(About this task):
The entries that follow include a run beginning at the line with "#91=IFCLOCALPLACEMENT(#14,#2);" and ending at the line with "#121=IFCINDEXEDPOLYGONALFACE((5,7,8,6));"; restate that run word for word and leave the rest out.

(Exercise input):

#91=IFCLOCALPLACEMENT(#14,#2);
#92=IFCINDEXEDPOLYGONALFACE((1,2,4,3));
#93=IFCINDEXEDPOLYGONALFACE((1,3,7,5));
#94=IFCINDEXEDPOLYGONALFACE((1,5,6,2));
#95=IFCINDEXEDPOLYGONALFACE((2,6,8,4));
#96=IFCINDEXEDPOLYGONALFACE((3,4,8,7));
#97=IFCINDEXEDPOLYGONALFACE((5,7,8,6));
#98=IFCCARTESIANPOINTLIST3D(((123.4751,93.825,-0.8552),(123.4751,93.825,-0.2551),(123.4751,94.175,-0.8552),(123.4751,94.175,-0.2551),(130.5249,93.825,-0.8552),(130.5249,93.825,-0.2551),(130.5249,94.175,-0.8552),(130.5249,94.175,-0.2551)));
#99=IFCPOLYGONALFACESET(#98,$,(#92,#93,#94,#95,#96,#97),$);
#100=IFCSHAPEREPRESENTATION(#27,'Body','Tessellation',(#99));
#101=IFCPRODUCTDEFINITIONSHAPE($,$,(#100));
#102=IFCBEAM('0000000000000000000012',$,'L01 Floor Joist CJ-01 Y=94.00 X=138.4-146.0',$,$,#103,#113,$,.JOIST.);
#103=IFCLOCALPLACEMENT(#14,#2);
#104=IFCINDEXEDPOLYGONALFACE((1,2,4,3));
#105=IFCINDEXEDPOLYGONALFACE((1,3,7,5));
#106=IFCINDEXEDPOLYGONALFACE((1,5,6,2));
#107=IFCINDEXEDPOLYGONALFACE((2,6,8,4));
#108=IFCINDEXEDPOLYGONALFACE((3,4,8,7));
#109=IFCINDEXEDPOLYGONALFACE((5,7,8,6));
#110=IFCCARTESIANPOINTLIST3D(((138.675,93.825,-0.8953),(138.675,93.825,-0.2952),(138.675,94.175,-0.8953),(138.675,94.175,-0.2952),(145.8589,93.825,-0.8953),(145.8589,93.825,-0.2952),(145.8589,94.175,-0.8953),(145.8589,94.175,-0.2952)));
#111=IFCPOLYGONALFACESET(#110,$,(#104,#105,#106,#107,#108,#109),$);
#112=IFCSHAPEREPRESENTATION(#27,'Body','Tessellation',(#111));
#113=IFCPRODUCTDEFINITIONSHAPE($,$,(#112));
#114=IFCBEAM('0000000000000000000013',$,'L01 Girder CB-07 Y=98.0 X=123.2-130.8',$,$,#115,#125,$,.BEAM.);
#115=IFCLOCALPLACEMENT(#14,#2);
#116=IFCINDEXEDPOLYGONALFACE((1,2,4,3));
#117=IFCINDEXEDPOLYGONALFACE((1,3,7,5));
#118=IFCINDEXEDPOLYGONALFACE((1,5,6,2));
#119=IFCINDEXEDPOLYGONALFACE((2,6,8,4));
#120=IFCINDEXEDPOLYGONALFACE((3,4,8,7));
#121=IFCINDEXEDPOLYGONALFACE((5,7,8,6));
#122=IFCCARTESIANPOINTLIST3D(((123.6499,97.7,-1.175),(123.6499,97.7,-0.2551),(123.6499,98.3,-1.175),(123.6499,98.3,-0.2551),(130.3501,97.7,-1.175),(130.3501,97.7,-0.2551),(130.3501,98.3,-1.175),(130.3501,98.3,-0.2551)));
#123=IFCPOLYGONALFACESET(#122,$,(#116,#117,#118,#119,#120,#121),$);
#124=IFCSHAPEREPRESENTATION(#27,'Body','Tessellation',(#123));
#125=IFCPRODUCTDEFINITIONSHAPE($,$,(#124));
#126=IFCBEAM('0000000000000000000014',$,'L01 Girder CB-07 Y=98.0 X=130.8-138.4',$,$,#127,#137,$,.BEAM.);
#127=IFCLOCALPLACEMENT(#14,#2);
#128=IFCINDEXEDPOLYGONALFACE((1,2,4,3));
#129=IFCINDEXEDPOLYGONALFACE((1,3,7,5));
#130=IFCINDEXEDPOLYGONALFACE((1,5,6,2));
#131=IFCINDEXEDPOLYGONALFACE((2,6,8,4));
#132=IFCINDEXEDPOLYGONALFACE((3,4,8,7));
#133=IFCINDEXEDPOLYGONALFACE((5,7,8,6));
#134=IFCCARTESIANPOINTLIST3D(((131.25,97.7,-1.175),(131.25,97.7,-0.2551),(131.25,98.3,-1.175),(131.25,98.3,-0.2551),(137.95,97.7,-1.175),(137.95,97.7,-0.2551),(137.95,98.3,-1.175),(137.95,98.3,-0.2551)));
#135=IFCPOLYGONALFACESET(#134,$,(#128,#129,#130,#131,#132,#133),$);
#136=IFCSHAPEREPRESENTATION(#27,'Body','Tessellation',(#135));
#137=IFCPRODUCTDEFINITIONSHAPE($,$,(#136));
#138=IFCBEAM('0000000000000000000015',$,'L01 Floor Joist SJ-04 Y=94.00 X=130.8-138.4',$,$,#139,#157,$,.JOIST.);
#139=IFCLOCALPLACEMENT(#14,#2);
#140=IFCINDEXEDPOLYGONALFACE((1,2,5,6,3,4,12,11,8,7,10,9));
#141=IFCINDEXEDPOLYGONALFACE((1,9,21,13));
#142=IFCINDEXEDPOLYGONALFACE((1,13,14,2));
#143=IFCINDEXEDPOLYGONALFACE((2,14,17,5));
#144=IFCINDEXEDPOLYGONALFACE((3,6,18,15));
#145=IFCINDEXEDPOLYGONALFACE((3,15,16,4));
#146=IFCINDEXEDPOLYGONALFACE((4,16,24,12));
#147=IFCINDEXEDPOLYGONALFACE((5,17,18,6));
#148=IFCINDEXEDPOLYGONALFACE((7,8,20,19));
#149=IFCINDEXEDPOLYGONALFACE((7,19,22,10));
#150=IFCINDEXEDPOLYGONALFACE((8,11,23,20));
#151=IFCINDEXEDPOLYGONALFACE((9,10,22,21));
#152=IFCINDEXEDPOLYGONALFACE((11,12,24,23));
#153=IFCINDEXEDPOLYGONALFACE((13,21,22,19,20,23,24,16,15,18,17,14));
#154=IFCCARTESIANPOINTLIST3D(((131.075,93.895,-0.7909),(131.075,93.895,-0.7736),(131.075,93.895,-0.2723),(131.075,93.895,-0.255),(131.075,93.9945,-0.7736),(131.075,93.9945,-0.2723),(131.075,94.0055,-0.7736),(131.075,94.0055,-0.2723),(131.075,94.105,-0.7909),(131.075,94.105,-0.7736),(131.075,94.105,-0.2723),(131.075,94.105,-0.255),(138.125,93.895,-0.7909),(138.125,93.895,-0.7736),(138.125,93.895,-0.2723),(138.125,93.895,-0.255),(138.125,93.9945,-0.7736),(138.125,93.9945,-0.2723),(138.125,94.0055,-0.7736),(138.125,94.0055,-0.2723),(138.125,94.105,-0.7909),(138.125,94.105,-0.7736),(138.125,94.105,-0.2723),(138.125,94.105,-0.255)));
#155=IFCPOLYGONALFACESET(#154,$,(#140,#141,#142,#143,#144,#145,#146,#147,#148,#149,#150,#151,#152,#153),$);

...

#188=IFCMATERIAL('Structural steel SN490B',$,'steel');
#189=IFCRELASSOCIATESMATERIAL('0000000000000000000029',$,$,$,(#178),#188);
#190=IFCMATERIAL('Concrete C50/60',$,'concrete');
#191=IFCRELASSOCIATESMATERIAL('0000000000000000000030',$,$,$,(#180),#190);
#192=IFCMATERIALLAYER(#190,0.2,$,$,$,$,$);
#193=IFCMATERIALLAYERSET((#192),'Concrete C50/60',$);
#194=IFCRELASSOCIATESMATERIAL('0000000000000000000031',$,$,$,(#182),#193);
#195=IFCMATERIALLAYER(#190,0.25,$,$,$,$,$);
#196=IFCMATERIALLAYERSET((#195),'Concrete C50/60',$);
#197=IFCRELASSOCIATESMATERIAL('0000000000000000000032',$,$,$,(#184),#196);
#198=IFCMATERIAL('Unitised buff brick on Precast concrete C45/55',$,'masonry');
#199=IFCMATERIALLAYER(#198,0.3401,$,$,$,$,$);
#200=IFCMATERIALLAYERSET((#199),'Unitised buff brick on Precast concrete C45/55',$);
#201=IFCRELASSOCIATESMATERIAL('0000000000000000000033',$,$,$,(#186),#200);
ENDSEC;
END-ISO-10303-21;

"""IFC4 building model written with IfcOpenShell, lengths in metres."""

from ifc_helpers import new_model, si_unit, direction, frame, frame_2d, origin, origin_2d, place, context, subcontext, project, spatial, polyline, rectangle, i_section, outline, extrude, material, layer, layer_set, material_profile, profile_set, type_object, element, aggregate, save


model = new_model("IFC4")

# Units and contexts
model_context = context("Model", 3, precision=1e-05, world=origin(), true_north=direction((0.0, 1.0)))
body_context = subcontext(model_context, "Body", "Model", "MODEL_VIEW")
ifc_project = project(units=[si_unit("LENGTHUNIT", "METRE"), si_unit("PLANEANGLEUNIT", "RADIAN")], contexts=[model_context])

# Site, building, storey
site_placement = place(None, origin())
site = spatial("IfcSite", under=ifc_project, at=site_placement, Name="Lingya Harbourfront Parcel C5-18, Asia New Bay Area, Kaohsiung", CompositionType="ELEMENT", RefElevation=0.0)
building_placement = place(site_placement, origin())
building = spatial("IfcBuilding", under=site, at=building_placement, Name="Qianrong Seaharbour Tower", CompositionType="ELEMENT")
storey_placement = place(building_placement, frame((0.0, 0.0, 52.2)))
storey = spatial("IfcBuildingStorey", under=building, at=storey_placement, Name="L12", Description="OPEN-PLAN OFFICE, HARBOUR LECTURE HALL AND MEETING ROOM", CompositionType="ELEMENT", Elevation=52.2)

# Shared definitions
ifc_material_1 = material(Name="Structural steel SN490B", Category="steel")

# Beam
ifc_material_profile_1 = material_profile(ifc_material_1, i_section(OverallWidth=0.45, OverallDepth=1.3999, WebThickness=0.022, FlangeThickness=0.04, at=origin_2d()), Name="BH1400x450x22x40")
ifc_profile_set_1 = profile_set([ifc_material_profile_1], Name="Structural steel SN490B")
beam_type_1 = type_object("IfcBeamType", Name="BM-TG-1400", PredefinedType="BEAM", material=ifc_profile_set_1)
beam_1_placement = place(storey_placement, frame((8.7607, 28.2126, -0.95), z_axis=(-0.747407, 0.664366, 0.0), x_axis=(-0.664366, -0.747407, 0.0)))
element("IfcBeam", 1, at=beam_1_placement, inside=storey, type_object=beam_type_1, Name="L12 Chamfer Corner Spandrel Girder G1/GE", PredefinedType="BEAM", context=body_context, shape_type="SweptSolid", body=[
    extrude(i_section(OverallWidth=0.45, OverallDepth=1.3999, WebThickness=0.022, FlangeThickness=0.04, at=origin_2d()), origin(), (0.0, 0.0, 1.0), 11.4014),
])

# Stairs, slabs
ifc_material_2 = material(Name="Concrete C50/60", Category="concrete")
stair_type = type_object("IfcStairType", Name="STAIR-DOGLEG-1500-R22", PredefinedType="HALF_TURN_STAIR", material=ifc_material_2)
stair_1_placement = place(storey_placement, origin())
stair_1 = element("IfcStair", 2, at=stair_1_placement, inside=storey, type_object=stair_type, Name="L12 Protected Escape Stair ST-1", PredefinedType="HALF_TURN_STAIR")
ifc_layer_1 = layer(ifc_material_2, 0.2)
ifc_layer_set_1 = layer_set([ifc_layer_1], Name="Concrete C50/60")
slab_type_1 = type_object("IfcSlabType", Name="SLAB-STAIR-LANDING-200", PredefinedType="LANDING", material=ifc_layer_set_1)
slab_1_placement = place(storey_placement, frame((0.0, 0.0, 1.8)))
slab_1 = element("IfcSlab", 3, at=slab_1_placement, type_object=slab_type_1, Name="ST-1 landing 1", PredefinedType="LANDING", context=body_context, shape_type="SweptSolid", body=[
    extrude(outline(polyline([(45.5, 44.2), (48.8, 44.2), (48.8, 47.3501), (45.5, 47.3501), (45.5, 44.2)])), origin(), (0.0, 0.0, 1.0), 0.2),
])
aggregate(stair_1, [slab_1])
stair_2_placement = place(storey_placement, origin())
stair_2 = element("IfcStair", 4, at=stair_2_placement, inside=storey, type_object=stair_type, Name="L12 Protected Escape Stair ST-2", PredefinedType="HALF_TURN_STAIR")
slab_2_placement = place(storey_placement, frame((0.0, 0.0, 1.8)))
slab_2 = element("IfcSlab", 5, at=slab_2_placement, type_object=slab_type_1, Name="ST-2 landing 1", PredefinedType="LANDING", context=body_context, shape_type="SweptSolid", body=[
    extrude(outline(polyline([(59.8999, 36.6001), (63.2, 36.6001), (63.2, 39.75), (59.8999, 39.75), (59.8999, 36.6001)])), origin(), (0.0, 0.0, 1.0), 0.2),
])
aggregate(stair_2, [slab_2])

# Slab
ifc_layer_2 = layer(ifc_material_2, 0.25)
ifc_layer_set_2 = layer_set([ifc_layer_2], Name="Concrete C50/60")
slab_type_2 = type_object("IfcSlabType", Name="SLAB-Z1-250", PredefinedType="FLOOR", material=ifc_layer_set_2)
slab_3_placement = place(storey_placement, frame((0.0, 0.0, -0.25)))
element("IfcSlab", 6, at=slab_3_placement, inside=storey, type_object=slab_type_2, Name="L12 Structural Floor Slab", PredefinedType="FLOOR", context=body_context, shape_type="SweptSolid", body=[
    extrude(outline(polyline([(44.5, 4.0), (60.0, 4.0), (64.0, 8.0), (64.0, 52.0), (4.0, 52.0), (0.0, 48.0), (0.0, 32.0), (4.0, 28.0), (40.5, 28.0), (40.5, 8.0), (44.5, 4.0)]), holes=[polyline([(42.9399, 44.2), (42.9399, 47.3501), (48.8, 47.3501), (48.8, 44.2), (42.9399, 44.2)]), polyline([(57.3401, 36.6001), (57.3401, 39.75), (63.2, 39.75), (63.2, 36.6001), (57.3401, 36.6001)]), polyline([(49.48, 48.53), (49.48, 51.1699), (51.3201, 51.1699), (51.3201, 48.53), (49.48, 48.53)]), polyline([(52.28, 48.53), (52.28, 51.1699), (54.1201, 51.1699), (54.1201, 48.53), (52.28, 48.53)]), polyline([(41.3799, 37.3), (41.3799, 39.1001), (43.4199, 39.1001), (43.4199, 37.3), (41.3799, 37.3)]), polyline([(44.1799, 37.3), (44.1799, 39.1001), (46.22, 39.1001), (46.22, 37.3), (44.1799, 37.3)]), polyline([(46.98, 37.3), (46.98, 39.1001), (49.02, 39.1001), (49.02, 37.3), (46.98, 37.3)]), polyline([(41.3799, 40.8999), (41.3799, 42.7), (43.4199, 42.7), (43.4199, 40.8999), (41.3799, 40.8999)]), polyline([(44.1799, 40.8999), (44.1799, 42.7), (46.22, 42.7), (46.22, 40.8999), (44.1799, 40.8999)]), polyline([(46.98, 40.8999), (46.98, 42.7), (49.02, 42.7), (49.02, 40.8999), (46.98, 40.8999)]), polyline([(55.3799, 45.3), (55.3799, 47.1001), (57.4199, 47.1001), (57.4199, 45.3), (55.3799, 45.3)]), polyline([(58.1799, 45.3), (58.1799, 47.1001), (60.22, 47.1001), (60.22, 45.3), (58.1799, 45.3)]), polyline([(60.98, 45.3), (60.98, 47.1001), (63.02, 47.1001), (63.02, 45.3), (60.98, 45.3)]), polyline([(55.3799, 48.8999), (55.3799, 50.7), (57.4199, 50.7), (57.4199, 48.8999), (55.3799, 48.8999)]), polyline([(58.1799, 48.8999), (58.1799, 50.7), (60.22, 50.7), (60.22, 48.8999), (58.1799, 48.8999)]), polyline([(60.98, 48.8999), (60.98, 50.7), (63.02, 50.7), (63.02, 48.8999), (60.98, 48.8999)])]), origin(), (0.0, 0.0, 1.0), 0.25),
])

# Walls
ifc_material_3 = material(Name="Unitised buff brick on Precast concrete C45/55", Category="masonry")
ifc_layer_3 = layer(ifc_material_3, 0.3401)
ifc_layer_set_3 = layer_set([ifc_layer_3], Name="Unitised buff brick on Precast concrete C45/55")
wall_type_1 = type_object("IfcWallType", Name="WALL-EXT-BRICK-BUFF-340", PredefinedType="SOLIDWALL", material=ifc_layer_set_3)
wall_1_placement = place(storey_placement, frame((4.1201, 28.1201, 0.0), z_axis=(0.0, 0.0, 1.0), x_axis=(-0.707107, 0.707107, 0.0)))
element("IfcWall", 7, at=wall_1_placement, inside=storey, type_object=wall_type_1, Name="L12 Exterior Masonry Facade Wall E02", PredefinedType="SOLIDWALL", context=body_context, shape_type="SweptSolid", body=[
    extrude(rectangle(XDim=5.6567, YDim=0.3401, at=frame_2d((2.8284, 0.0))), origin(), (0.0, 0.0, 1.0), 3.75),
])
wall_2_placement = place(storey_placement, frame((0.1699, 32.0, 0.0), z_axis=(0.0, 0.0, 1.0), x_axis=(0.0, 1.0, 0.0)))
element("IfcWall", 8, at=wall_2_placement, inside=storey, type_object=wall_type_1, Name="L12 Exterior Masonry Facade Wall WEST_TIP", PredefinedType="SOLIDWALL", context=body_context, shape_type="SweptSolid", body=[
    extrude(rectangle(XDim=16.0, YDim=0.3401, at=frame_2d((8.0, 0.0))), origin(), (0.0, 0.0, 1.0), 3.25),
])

(Solution):
#91=IFCLOCALPLACEMENT(#14,#2);
#92=IFCINDEXEDPOLYGONALFACE((1,2,4,3));
#93=IFCINDEXEDPOLYGONALFACE((1,3,7,5));
#94=IFCINDEXEDPOLYGONALFACE((1,5,6,2));
#95=IFCINDEXEDPOLYGONALFACE((2,6,8,4));
#96=IFCINDEXEDPOLYGONALFACE((3,4,8,7));
#97=IFCINDEXEDPOLYGONALFACE((5,7,8,6));
#98=IFCCARTESIANPOINTLIST3D(((123.4751,93.825,-0.8552),(123.4751,93.825,-0.2551),(123.4751,94.175,-0.8552),(123.4751,94.175,-0.2551),(130.5249,93.825,-0.8552),(130.5249,93.825,-0.2551),(130.5249,94.175,-0.8552),(130.5249,94.175,-0.2551)));
#99=IFCPOLYGONALFACESET(#98,$,(#92,#93,#94,#95,#96,#97),$);
#100=IFCSHAPEREPRESENTATION(#27,'Body','Tessellation',(#99));
#101=IFCPRODUCTDEFINITIONSHAPE($,$,(#100));
#102=IFCBEAM('0000000000000000000012',$,'L01 Floor Joist CJ-01 Y=94.00 X=138.4-146.0',$,$,#103,#113,$,.JOIST.);
#103=IFCLOCALPLACEMENT(#14,#2);
#104=IFCINDEXEDPOLYGONALFACE((1,2,4,3));
#105=IFCINDEXEDPOLYGONALFACE((1,3,7,5));
#106=IFCINDEXEDPOLYGONALFACE((1,5,6,2));
#107=IFCINDEXEDPOLYGONALFACE((2,6,8,4));
#108=IFCINDEXEDPOLYGONALFACE((3,4,8,7));
#109=IFCINDEXEDPOLYGONALFACE((5,7,8,6));
#110=IFCCARTESIANPOINTLIST3D(((138.675,93.825,-0.8953),(138.675,93.825,-0.2952),(138.675,94.175,-0.8953),(138.675,94.175,-0.2952),(145.8589,93.825,-0.8953),(145.8589,93.825,-0.2952),(145.8589,94.175,-0.8953),(145.8589,94.175,-0.2952)));
#111=IFCPOLYGONALFACESET(#110,$,(#104,#105,#106,#107,#108,#109),$);
#112=IFCSHAPEREPRESENTATION(#27,'Body','Tessellation',(#111));
#113=IFCPRODUCTDEFINITIONSHAPE($,$,(#112));
#114=IFCBEAM('0000000000000000000013',$,'L01 Girder CB-07 Y=98.0 X=123.2-130.8',$,$,#115,#125,$,.BEAM.);
#115=IFCLOCALPLACEMENT(#14,#2);
#116=IFCINDEXEDPOLYGONALFACE((1,2,4,3));
#117=IFCINDEXEDPOLYGONALFACE((1,3,7,5));
#118=IFCINDEXEDPOLYGONALFACE((1,5,6,2));
#119=IFCINDEXEDPOLYGONALFACE((2,6,8,4));
#120=IFCINDEXEDPOLYGONALFACE((3,4,8,7));
#121=IFCINDEXEDPOLYGONALFACE((5,7,8,6));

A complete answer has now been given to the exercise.